(TASK):
Only one stretch of the records below is wanted: the lines from the one holding "#14=IFCLOCALPLACEMENT(#10,#13);" through the one holding "#16=IFCSITE('0000000000000000000004',$,'Alvorim Historic Corner". Return it exactly, both ends included.

Saved entries
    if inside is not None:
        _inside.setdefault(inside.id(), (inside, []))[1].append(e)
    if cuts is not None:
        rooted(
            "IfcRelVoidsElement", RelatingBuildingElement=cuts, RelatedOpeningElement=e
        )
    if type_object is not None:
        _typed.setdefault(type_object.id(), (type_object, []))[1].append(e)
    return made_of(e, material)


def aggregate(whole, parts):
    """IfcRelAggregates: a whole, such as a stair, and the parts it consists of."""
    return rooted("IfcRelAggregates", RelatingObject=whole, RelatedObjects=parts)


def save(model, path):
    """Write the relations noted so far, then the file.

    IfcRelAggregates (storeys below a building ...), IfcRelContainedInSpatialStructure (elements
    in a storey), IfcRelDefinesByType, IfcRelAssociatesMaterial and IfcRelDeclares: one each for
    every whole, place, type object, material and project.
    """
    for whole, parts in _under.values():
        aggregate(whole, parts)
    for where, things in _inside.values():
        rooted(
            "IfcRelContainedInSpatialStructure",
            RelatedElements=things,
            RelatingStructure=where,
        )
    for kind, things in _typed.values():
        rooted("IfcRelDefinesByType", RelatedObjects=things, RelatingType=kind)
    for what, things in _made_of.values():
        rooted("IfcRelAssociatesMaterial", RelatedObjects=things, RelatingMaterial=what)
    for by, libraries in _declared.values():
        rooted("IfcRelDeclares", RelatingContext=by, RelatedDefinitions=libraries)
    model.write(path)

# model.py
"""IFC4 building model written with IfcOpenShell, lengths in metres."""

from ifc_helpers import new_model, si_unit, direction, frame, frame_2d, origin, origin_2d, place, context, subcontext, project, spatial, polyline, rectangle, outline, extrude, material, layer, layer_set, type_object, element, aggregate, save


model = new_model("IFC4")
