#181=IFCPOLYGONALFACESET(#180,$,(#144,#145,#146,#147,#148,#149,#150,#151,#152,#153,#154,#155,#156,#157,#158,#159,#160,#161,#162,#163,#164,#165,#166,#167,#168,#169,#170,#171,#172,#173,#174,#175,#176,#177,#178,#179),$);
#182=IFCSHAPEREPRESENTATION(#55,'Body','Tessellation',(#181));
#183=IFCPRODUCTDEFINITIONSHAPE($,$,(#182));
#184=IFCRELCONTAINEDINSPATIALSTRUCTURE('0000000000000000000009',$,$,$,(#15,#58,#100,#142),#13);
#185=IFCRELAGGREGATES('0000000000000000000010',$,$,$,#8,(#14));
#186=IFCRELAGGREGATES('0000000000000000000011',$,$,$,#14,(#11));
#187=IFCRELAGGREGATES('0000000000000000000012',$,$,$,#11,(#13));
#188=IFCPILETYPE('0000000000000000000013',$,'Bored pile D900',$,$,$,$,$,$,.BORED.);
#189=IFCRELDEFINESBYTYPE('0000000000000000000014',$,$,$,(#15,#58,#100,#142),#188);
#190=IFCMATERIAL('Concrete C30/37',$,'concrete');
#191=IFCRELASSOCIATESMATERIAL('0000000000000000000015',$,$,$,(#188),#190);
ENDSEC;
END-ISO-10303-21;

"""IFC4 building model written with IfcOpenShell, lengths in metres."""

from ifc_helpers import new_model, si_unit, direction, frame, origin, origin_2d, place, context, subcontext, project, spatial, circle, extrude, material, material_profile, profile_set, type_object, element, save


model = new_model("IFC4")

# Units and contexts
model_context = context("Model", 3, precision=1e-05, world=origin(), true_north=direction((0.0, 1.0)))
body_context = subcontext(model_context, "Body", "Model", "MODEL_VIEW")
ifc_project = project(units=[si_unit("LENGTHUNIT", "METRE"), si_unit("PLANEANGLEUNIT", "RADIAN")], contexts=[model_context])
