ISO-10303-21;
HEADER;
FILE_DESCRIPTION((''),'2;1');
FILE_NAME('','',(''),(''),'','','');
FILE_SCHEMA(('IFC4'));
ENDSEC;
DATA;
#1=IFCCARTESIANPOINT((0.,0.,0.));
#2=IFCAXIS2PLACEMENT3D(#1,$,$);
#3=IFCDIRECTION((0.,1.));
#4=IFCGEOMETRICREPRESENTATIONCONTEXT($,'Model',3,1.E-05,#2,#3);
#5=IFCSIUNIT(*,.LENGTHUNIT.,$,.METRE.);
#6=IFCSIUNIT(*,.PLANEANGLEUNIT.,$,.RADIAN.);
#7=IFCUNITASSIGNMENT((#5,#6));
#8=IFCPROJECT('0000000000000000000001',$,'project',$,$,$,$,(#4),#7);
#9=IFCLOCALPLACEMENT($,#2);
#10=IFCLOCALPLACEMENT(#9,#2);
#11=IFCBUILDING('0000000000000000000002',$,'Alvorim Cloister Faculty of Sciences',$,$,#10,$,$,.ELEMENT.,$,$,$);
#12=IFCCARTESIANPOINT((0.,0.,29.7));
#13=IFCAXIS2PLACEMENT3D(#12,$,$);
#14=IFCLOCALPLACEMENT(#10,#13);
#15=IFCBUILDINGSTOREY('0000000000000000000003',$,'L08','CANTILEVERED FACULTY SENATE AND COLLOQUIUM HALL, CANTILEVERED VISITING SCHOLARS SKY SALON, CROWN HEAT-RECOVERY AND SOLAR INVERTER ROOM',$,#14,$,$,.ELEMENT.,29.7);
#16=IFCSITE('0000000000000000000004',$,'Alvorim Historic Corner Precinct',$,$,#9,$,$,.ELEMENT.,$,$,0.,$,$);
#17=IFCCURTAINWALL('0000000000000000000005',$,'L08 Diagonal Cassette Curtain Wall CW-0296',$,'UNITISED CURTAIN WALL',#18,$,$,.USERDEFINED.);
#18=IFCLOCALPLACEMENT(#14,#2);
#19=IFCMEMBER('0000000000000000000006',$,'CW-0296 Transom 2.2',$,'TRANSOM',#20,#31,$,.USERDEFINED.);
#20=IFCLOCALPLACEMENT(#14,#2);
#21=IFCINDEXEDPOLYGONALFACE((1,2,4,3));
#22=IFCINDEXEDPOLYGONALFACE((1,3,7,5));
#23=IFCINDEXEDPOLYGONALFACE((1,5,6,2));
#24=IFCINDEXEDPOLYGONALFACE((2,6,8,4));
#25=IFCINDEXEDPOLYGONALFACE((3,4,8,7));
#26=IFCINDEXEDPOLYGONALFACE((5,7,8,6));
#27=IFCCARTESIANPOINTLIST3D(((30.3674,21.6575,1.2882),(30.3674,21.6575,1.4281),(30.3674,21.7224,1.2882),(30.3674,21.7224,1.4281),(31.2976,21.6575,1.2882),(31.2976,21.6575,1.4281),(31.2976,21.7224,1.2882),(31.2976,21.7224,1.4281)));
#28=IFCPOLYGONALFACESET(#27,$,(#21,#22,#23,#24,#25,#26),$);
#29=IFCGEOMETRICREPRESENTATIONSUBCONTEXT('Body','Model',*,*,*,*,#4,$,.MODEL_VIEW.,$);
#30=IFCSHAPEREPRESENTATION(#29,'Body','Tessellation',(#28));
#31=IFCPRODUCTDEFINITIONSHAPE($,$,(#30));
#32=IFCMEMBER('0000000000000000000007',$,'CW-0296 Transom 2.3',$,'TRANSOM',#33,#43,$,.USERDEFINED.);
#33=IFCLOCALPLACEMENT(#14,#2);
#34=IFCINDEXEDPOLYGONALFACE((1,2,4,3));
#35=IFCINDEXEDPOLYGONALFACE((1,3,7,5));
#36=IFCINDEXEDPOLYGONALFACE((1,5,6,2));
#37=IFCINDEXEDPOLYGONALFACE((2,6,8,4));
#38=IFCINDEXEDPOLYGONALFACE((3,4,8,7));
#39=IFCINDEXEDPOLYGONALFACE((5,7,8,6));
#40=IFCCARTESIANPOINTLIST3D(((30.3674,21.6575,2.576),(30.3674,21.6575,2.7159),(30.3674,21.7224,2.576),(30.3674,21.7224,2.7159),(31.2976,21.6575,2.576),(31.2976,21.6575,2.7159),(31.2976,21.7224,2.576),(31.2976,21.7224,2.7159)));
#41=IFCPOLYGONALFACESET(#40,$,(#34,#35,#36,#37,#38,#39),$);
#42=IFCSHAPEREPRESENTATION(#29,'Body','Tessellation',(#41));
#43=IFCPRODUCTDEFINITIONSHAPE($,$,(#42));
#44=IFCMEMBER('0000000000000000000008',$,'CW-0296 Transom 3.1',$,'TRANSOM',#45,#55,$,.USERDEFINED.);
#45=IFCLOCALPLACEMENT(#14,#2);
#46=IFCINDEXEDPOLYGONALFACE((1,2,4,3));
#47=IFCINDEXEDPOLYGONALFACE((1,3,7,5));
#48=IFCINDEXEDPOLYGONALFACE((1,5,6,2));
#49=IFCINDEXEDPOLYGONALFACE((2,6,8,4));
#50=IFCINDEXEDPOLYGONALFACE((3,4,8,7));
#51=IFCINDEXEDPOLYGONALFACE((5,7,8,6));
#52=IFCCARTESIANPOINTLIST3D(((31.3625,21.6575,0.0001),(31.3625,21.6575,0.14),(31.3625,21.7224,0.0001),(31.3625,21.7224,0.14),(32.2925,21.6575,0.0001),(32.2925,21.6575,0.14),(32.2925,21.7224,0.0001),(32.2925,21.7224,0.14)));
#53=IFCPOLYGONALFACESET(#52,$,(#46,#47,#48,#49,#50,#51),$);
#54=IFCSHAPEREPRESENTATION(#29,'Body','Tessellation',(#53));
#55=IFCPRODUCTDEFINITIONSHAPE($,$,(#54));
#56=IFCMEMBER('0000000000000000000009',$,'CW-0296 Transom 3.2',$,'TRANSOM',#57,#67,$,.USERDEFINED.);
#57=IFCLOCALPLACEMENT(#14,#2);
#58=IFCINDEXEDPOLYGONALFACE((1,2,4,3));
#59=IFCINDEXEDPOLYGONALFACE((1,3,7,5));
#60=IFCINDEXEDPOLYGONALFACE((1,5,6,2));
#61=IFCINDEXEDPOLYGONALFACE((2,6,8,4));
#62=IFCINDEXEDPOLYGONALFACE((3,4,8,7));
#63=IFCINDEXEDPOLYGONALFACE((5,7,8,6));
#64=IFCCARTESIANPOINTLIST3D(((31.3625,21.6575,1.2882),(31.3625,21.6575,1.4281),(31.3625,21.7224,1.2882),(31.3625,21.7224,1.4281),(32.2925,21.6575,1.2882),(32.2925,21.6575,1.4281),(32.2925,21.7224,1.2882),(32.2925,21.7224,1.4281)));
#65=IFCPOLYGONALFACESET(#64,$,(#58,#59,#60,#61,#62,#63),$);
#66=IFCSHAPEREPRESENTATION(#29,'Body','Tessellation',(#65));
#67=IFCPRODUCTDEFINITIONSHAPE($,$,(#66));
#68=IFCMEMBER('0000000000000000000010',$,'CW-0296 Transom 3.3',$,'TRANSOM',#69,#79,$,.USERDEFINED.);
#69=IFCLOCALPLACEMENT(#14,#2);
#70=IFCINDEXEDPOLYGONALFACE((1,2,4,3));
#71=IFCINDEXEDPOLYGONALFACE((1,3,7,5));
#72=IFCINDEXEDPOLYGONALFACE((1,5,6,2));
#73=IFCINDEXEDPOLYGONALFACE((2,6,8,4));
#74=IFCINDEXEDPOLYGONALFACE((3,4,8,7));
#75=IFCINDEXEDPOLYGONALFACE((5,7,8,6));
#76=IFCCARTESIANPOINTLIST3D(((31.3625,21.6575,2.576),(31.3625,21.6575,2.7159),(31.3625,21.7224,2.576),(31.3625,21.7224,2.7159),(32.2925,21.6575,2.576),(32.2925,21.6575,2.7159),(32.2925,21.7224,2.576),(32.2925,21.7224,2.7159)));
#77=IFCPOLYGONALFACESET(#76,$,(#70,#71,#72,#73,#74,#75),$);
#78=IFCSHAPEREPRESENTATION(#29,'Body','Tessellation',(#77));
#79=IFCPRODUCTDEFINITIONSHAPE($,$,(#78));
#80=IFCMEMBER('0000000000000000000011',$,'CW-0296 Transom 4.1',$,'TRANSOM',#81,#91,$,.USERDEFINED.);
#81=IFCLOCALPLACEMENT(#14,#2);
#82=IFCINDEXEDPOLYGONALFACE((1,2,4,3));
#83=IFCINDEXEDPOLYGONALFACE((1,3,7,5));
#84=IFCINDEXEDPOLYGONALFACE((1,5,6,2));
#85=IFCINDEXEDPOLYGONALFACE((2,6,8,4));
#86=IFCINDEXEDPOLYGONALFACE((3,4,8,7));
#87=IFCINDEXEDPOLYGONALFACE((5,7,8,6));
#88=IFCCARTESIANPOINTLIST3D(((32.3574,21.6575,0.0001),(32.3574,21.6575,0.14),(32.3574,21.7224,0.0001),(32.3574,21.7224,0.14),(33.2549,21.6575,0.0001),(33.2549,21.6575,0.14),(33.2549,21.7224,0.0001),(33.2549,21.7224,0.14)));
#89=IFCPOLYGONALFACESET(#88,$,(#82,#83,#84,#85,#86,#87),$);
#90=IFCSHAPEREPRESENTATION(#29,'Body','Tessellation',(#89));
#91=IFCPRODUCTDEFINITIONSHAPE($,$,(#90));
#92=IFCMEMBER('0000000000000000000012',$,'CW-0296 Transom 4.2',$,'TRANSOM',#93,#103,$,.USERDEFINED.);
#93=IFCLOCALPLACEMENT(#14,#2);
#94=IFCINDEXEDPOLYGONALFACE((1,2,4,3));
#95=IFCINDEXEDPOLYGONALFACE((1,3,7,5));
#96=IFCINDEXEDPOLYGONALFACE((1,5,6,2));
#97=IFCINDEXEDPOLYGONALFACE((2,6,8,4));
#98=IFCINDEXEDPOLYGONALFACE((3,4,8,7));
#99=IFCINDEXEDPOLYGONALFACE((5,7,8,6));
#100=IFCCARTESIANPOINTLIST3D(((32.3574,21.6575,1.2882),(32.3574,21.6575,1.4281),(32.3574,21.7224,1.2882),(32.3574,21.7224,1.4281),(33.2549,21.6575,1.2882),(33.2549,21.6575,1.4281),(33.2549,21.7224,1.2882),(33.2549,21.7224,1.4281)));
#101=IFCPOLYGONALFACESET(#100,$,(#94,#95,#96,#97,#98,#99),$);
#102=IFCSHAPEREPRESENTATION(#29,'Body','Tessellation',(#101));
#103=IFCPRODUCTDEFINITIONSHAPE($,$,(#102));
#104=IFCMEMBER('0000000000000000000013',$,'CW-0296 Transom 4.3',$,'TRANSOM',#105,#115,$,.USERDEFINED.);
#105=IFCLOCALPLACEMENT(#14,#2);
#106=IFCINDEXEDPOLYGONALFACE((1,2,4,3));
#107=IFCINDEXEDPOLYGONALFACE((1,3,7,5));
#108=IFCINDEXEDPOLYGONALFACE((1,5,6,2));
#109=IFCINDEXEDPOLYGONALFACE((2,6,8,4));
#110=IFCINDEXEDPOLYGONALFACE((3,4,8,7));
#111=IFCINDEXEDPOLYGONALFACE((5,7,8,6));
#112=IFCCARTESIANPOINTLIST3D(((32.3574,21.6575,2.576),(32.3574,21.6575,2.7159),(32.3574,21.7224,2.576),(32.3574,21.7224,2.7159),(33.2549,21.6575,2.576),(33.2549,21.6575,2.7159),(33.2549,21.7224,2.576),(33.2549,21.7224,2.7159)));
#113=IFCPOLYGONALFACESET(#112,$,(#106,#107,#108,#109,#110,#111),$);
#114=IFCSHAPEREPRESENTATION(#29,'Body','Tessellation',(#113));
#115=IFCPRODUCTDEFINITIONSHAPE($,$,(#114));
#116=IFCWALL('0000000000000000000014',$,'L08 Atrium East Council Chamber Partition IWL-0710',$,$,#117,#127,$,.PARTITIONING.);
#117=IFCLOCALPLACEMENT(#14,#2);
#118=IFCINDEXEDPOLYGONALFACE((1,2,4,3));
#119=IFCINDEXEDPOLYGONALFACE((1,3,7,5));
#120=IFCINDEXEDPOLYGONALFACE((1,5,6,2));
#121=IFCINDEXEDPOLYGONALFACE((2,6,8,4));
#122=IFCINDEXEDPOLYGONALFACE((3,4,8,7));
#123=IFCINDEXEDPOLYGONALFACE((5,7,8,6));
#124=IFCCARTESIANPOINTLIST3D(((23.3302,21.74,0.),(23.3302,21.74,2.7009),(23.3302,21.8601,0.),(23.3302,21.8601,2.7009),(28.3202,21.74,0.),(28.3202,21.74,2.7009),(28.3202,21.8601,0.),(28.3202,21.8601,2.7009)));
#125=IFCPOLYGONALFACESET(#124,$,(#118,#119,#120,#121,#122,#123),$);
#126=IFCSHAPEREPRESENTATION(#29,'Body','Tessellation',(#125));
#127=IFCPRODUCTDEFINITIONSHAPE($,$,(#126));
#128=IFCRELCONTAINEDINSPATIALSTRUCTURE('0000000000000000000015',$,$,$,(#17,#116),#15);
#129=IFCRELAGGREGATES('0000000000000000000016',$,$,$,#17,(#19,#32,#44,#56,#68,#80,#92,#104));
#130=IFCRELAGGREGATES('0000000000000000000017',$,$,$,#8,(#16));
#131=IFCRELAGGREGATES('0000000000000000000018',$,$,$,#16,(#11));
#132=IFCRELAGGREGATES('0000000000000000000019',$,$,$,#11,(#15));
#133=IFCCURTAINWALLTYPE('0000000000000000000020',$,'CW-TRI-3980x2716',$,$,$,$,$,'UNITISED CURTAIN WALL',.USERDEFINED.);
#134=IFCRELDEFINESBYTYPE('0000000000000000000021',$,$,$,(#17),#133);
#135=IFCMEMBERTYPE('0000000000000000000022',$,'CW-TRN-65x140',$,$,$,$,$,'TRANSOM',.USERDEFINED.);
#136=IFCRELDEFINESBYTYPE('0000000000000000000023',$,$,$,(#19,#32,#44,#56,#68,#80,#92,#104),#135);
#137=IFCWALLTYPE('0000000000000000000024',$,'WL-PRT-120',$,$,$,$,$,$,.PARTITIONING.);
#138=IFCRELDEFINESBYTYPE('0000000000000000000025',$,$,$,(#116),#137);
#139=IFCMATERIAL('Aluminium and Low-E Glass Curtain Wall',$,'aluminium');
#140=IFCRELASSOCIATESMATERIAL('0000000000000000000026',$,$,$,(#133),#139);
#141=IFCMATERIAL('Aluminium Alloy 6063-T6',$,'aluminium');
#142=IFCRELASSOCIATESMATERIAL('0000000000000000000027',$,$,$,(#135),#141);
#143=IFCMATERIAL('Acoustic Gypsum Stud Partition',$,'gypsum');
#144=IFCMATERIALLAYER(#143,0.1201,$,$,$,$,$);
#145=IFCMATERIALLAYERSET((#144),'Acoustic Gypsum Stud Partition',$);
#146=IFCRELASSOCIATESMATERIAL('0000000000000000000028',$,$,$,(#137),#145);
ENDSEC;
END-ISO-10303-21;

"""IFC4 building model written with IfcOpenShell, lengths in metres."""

from ifc_helpers import new_model, si_unit, direction, frame, frame_2d, origin, origin_2d, place, context, subcontext, project, spatial, rectangle, extrude, material, layer, layer_set, material_profile, profile_set, type_object, element, aggregate, save


model = new_model("IFC4")

# Units and contexts
model_context = context("Model", 3, precision=1e-05, world=origin(), true_north=direction((0.0, 1.0)))
body_context = subcontext(model_context, "Body", "Model", "MODEL_VIEW")
ifc_project = project(units=[si_unit("LENGTHUNIT", "METRE"), si_unit("PLANEANGLEUNIT", "RADIAN")], contexts=[model_context])

# Site, building, storey
site_placement = place(None, origin())
site = spatial("IfcSite", under=ifc_project, at=site_placement, Name="Alvorim Historic Corner Precinct", CompositionType="ELEMENT", RefElevation=0.0)
building_placement = place(site_placement, origin())
building = spatial("IfcBuilding", under=site, at=building_placement, Name="Alvorim Cloister Faculty of Sciences", CompositionType="ELEMENT")
storey_placement = place(building_placement, frame((0.0, 0.0, 29.7)))
storey = spatial("IfcBuildingStorey", under=building, at=storey_placement, Name="L08", Description="CANTILEVERED FACULTY SENATE AND COLLOQUIUM HALL, CANTILEVERED VISITING SCHOLARS SKY SALON, CROWN HEAT-RECOVERY AND SOLAR INVERTER ROOM", CompositionType="ELEMENT", Elevation=29.7)

# Curtain wall
ifc_material_1 = material(Name="Aluminium and Low-E Glass Curtain Wall", Category="aluminium")
ifc_material_2 = material(Name="Aluminium Alloy 6063-T6", Category="aluminium")
curtain_wall_type_1 = type_object("IfcCurtainWallType", Name="CW-TRI-3980x2716", ElementType="UNITISED CURTAIN WALL", PredefinedType="USERDEFINED", material=ifc_material_1)
curtain_wall_1_placement = place(storey_placement, origin())
curtain_wall_1 = element("IfcCurtainWall", 1, at=curtain_wall_1_placement, inside=storey, type_object=curtain_wall_type_1, Name="L08 Diagonal Cassette Curtain Wall CW-0296", ObjectType="UNITISED CURTAIN WALL", PredefinedType="USERDEFINED")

(OUTPUT FOR THIS EXERCISE):
#14=IFCLOCALPLACEMENT(#10,#13);
#15=IFCBUILDINGSTOREY('0000000000000000000003',$,'L08','CANTILEVERED FACULTY SENATE AND COLLOQUIUM HALL, CANTILEVERED VISITING SCHOLARS SKY SALON, CROWN HEAT-RECOVERY AND SOLAR INVERTER ROOM',$,#14,$,$,.ELEMENT.,29.7);
#16=IFCSITE('0000000000000000000004',$,'Alvorim Historic Corner Precinct',$,$,#9,$,$,.ELEMENT.,$,$,0.,$,$);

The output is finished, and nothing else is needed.